BEGIN Data records
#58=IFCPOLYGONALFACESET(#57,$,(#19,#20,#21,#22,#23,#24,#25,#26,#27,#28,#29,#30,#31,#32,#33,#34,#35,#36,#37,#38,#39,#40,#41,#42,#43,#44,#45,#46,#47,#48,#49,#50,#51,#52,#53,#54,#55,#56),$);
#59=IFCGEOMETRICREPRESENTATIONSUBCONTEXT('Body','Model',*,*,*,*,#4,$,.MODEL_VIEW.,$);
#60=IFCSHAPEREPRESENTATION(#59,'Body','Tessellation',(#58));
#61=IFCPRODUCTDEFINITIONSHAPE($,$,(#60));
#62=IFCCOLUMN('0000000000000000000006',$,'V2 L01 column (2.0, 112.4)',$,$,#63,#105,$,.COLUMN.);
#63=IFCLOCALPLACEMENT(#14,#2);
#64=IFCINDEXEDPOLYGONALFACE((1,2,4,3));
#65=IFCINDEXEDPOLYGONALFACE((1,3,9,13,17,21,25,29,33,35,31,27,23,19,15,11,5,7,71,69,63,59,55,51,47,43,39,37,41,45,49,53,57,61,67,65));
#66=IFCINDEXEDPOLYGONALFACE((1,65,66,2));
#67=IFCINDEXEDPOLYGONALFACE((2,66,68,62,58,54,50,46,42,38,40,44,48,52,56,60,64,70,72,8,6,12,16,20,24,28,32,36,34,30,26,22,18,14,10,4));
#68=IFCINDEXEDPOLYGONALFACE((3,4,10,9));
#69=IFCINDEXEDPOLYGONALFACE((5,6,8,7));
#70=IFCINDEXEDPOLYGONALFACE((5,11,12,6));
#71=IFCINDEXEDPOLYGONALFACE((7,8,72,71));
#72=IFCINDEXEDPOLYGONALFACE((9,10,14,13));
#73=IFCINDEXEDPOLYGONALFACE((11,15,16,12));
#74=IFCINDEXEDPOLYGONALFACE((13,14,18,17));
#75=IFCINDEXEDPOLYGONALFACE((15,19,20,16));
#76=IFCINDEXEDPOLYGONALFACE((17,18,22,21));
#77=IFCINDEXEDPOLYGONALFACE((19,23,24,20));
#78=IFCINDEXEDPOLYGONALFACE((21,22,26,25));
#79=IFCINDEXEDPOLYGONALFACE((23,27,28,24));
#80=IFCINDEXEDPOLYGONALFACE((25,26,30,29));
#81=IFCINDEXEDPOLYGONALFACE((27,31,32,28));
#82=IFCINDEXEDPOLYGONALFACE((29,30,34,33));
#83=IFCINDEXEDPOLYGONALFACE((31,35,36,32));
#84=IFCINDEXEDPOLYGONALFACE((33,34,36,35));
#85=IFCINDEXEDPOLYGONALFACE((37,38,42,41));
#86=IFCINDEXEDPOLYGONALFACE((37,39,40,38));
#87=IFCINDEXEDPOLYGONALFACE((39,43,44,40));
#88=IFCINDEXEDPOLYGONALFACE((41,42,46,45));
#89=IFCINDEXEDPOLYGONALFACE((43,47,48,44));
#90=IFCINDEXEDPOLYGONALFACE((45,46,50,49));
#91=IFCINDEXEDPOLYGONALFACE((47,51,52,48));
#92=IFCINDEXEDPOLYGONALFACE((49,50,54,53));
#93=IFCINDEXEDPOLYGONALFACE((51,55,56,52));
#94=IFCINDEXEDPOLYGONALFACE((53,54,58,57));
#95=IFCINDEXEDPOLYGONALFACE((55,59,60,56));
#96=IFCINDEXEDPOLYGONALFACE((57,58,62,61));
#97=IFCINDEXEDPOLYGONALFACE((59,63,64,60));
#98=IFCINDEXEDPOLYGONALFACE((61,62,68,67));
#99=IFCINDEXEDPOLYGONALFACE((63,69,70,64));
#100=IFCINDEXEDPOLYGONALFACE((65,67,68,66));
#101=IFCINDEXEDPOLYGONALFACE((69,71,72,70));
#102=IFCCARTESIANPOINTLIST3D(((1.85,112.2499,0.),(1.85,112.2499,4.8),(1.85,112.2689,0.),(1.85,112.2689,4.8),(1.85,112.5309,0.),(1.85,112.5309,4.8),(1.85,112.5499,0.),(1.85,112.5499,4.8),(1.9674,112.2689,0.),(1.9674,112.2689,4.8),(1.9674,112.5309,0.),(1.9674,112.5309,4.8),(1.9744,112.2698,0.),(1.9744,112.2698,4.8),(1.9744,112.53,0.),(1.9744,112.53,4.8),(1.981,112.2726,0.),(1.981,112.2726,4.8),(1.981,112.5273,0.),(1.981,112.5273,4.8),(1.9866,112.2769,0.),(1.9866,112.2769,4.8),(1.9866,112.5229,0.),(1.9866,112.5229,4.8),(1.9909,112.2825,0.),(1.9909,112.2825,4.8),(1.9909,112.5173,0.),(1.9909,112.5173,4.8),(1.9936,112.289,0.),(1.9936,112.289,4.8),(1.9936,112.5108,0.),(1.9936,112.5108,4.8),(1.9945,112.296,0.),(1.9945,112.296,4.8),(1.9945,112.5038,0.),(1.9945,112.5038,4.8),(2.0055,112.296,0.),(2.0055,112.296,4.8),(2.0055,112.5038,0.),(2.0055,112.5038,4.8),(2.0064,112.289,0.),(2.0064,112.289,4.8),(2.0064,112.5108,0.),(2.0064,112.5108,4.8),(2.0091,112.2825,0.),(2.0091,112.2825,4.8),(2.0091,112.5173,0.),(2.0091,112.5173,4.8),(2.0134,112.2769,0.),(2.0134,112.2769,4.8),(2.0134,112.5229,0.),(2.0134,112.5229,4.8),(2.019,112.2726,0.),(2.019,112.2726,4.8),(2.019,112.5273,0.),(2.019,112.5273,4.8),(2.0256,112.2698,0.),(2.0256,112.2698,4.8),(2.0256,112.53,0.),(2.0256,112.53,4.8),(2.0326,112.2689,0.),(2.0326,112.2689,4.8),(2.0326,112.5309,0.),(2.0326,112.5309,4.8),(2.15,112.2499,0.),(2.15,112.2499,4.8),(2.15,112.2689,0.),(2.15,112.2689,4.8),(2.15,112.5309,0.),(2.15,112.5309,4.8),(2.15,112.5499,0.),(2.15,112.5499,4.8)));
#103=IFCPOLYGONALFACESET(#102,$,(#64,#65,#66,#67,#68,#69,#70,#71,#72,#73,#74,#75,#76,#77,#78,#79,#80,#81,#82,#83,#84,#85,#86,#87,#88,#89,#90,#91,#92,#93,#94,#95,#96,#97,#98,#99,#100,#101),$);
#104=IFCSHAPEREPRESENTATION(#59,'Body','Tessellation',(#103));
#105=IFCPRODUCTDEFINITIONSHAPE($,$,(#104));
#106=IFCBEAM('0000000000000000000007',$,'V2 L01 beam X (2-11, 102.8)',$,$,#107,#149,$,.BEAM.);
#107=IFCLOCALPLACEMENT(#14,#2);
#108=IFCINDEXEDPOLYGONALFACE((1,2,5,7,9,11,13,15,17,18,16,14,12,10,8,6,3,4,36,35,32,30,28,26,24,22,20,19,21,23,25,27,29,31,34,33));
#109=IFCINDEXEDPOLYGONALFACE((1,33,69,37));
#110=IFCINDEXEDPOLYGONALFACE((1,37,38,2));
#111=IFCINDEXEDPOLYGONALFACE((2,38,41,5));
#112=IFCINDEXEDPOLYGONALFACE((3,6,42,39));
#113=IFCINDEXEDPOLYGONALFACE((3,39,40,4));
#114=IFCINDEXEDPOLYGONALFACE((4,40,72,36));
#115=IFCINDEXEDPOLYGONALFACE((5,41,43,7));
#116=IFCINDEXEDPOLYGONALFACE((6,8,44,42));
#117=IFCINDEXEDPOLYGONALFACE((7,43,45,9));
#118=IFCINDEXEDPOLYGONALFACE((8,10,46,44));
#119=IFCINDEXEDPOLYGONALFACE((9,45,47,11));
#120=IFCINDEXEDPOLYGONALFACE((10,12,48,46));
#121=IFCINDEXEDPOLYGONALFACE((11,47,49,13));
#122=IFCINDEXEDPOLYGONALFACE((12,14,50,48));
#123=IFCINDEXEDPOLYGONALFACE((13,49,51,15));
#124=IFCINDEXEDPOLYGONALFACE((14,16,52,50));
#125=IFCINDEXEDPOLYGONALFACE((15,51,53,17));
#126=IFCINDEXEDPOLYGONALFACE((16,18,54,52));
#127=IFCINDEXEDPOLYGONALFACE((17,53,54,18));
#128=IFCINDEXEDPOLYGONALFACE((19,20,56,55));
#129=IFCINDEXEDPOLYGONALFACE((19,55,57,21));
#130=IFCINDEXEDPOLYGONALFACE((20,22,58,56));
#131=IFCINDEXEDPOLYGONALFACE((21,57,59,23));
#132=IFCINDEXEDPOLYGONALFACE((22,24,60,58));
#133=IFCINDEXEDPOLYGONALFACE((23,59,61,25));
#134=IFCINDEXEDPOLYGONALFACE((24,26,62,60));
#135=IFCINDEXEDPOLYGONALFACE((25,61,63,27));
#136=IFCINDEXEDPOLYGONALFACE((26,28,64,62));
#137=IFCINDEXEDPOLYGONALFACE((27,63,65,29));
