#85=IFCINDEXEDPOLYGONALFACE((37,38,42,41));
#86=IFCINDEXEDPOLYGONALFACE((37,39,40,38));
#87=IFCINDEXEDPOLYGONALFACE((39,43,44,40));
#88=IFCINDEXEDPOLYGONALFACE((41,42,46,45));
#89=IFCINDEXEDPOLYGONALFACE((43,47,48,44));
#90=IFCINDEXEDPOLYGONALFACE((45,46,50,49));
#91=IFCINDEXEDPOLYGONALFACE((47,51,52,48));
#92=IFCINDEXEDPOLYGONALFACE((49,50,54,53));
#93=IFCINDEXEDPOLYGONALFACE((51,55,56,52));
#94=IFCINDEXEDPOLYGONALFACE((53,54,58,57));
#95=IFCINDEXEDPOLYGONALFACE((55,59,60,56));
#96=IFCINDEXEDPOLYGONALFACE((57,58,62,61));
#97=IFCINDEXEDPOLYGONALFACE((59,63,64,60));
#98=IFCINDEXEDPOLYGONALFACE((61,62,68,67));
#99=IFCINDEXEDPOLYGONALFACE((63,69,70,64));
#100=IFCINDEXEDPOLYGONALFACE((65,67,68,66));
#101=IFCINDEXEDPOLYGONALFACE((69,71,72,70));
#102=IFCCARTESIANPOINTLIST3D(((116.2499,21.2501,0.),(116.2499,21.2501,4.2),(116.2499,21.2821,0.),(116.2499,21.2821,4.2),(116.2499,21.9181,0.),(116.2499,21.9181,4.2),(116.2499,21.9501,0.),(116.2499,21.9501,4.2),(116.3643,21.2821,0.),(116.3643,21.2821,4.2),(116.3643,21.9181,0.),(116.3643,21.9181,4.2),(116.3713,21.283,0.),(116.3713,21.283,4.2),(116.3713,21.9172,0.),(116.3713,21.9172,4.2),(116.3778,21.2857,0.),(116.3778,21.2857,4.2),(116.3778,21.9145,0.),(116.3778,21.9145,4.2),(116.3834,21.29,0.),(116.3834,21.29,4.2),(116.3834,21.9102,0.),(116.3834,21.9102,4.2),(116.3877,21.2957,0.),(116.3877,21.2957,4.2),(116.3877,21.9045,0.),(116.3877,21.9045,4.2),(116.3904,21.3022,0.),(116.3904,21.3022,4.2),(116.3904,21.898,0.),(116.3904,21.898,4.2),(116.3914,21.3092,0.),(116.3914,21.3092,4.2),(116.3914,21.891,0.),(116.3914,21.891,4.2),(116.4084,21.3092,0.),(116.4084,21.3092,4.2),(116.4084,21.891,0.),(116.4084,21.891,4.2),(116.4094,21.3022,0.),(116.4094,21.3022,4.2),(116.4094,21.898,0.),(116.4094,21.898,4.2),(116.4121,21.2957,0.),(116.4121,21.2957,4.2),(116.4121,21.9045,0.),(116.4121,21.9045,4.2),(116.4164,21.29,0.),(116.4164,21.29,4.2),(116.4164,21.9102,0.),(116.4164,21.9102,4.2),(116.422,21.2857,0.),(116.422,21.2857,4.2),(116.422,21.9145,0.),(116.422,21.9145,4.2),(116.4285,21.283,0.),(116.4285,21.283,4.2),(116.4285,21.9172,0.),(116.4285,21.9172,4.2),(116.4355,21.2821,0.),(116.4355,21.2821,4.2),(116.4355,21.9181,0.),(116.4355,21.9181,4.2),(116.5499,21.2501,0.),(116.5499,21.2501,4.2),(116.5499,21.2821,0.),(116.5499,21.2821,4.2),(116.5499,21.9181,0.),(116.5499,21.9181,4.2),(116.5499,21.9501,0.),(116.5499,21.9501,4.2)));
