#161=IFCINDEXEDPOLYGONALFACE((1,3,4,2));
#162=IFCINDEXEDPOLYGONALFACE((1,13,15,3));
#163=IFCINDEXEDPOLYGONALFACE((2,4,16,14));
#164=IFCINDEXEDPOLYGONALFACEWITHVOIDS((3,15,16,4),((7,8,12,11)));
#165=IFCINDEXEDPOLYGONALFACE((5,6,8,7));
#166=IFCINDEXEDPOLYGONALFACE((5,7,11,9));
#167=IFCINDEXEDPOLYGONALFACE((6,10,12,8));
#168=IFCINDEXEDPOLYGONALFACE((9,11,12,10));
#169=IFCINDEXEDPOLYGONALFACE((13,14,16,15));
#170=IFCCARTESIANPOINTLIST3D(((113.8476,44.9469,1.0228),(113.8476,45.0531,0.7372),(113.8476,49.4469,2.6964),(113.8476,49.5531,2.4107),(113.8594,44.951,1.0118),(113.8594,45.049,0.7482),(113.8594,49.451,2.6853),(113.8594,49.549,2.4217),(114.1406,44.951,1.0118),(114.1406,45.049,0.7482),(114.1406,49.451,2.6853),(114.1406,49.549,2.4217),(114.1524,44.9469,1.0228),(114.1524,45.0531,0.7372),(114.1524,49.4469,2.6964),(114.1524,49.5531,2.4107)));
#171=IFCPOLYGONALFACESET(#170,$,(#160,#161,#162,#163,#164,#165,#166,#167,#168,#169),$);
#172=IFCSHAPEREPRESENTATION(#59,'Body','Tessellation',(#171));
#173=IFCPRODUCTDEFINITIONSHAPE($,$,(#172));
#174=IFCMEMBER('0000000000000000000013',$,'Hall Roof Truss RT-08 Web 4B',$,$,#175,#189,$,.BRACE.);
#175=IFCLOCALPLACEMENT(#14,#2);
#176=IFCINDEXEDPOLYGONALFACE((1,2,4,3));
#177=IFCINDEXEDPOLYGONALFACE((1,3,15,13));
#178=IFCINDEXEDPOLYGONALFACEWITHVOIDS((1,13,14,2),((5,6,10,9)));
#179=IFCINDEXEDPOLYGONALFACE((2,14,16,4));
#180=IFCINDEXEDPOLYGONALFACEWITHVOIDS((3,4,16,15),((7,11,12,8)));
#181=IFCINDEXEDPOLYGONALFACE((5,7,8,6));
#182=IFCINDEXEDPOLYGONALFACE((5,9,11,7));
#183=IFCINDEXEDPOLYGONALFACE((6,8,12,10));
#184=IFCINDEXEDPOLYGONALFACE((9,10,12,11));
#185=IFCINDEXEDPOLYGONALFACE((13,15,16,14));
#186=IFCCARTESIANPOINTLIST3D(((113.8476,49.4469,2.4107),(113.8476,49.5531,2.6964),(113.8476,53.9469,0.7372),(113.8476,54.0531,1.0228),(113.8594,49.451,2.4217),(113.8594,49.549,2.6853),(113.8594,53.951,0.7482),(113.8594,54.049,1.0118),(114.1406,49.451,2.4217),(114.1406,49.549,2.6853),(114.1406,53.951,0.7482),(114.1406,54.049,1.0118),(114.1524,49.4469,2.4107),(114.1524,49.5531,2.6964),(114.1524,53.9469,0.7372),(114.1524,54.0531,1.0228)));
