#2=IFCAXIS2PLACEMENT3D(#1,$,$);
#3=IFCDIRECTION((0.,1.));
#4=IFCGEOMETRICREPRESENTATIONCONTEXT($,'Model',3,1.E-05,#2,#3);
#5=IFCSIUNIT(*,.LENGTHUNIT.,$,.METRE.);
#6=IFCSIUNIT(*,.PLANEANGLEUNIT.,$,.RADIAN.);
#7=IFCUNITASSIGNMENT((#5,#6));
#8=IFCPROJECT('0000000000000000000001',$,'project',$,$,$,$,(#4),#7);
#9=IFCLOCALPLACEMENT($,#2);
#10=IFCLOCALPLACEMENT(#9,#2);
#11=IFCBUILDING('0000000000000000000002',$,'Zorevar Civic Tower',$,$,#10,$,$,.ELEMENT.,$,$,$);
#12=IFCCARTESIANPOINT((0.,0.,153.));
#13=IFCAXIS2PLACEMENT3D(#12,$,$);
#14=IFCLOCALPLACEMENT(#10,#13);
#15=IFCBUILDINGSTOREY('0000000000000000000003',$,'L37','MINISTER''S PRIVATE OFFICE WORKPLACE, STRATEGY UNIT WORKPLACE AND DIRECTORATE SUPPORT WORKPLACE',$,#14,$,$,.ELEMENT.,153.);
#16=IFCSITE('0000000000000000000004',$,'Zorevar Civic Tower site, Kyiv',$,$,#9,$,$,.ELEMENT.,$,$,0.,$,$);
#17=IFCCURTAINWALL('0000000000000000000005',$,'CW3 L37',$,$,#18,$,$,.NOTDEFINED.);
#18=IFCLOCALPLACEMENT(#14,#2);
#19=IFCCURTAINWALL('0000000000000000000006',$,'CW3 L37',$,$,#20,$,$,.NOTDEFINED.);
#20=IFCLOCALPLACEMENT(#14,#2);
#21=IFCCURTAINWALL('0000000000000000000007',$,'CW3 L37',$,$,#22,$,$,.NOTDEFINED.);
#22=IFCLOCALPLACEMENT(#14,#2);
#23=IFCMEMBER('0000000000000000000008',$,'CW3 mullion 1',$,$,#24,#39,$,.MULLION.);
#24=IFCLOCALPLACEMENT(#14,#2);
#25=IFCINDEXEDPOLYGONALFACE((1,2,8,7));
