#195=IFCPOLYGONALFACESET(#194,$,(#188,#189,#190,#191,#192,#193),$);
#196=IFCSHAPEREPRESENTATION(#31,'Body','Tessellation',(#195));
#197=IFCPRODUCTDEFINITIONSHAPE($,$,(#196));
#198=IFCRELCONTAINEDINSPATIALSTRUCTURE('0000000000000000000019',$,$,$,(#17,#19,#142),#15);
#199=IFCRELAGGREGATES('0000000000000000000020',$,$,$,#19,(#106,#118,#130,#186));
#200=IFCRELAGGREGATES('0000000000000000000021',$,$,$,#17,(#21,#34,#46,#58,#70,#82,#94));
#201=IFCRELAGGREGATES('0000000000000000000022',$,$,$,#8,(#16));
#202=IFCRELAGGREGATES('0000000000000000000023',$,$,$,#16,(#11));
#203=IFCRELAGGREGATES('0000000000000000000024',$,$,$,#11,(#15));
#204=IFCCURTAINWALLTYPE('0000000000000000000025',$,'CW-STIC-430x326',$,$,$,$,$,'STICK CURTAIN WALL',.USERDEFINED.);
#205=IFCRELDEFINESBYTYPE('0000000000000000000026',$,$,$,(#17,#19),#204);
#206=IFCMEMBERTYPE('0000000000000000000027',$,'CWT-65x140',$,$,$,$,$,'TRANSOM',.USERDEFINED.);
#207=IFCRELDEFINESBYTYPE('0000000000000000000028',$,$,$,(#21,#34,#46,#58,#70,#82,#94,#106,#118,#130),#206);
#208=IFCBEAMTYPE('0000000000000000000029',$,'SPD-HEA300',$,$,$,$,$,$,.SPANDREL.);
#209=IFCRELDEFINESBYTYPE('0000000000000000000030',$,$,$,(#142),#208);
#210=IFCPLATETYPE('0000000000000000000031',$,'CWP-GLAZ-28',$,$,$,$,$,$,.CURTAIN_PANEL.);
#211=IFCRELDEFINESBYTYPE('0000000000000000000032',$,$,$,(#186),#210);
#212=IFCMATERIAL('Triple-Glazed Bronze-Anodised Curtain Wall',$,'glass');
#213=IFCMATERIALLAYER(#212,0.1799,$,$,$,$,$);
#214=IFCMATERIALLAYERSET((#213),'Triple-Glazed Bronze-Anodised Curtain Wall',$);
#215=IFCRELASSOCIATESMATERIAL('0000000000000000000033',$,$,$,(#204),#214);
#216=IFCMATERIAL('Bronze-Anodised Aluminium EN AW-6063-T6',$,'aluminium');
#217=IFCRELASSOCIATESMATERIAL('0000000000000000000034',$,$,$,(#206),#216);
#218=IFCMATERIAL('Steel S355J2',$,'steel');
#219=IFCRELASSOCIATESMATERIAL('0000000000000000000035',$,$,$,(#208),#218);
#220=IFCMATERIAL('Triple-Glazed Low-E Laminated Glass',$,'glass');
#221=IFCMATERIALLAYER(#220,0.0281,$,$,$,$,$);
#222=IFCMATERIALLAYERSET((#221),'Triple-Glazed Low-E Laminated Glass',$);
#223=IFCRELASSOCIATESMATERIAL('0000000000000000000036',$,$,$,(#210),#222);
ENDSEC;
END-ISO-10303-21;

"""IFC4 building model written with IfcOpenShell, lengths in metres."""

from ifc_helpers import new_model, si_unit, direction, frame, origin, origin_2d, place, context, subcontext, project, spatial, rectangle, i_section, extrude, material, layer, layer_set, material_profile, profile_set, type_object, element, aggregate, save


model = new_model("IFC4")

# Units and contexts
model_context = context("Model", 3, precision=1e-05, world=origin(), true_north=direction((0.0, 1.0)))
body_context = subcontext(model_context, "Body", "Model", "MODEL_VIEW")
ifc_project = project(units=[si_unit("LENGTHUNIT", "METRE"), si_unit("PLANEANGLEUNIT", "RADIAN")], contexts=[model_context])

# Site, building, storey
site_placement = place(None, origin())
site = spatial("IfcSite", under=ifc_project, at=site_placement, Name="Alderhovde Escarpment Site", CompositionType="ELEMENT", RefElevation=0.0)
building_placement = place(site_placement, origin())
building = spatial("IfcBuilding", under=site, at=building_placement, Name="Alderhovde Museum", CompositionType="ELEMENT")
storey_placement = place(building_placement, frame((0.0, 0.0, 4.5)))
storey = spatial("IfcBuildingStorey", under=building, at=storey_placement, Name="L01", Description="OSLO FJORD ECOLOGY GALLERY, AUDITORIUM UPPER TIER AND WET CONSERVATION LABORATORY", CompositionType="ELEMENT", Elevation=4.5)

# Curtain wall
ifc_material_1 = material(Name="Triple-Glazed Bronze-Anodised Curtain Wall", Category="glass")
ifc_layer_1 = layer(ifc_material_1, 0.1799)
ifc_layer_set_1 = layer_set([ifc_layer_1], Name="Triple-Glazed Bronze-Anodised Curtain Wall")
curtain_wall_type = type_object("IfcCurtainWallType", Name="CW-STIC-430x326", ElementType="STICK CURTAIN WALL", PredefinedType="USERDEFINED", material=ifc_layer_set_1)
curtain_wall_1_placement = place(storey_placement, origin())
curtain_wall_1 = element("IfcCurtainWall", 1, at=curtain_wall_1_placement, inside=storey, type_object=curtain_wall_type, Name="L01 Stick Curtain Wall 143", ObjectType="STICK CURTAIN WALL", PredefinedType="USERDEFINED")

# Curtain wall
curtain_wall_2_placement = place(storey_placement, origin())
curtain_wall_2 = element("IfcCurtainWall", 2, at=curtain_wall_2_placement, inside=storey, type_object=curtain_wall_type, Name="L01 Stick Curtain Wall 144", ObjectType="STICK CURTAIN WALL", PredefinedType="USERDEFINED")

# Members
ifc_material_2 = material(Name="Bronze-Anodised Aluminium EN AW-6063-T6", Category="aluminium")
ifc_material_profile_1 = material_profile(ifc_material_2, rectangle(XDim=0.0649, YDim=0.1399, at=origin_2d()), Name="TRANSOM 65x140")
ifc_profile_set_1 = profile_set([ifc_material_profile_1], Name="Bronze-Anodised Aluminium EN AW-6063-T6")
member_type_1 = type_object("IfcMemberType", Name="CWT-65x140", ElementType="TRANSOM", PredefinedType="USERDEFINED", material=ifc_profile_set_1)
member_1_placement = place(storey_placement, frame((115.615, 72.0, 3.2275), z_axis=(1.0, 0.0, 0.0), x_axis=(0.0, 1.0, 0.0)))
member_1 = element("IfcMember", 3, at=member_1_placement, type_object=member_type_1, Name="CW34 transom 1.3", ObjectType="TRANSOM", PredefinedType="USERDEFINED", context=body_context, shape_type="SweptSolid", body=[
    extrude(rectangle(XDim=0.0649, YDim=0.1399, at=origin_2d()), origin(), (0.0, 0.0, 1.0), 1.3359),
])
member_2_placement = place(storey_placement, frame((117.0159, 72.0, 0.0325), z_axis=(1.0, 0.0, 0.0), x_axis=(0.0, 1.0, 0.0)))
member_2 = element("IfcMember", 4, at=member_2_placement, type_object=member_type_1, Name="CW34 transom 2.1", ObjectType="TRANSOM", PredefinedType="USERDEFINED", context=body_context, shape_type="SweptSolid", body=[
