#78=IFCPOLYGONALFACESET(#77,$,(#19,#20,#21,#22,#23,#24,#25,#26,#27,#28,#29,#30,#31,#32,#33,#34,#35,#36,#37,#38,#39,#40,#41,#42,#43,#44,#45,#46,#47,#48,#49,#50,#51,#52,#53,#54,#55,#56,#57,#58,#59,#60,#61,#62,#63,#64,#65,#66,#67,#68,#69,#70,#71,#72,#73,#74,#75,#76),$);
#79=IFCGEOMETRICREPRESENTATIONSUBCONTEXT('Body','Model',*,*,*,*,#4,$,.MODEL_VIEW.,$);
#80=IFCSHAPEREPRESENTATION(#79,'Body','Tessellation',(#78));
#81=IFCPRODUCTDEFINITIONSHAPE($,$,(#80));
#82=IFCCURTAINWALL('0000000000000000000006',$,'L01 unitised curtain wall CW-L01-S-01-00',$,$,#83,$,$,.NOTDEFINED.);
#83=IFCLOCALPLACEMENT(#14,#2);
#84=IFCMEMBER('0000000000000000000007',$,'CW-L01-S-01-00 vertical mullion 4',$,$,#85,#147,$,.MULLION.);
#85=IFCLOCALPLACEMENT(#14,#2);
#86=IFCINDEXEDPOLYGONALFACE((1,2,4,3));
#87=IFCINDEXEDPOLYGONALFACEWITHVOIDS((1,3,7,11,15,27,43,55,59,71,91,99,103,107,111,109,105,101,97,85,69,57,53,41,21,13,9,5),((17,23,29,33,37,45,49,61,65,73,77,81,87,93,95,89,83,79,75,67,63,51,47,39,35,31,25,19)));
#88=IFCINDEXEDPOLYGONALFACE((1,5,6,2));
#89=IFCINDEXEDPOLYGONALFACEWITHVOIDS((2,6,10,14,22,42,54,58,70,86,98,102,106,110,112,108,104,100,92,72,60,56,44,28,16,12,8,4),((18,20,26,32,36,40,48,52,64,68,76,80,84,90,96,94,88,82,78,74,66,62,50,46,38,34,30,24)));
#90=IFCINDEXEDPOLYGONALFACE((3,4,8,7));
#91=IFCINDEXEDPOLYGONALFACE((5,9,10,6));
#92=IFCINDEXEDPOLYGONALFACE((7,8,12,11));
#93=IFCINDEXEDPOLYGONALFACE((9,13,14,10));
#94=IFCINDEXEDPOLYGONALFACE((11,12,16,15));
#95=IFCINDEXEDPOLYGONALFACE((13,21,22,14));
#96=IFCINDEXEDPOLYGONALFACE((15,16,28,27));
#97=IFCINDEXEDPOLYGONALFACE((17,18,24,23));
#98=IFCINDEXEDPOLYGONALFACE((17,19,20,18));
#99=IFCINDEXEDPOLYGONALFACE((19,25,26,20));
END Data records
» **What this task involves**: Scan the material for the word "Tessellation". Return every line where it is found.

» **Solution for this problem**:
#60=IFCSHAPEREPRESENTATION(#59,'Body','Tessellation',(#58));
#104=IFCSHAPEREPRESENTATION(#59,'Body','Tessellation',(#103));
#172=IFCSHAPEREPRESENTATION(#59,'Body','Tessellation',(#171));
#196=IFCSHAPEREPRESENTATION(#31,'Body','Tessellation',(#195));
#80=IFCSHAPEREPRESENTATION(#79,'Body','Tessellation',(#78));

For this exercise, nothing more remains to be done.